**What this task involves:**
List all lines of the data that include the string "Steel".

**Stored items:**

*** Block opens ***

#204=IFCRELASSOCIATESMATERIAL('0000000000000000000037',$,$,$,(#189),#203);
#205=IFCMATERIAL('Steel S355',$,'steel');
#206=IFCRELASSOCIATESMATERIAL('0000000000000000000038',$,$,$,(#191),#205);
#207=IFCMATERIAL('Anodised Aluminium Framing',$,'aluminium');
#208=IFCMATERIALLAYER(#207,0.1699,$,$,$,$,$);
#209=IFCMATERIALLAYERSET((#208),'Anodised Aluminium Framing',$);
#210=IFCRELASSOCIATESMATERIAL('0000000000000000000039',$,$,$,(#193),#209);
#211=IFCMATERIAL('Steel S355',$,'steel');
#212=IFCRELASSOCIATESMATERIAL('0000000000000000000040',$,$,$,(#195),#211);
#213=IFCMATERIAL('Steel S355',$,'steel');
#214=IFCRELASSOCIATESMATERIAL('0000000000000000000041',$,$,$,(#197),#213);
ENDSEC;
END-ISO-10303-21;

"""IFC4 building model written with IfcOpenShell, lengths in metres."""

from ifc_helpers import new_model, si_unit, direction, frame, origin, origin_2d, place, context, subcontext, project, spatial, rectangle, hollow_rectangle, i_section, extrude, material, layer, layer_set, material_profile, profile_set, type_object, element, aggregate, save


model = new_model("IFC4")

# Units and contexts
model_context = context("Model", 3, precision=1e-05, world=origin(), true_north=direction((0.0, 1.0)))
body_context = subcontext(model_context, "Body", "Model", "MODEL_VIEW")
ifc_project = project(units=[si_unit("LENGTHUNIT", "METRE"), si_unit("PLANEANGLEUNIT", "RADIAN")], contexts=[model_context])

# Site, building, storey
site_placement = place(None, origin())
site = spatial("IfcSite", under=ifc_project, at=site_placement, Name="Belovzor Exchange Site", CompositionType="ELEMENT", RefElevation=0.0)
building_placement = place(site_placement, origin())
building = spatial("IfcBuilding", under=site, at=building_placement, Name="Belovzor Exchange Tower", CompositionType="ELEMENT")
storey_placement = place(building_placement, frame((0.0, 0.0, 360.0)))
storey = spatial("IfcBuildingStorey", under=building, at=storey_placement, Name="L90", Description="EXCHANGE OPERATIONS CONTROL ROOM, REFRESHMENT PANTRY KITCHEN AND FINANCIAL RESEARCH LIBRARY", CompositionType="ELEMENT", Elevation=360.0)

*** Block closes ***

**Reply to the task:**
#205=IFCMATERIAL('Steel S355',$,'steel');
#211=IFCMATERIAL('Steel S355',$,'steel');
#213=IFCMATERIAL('Steel S355',$,'steel');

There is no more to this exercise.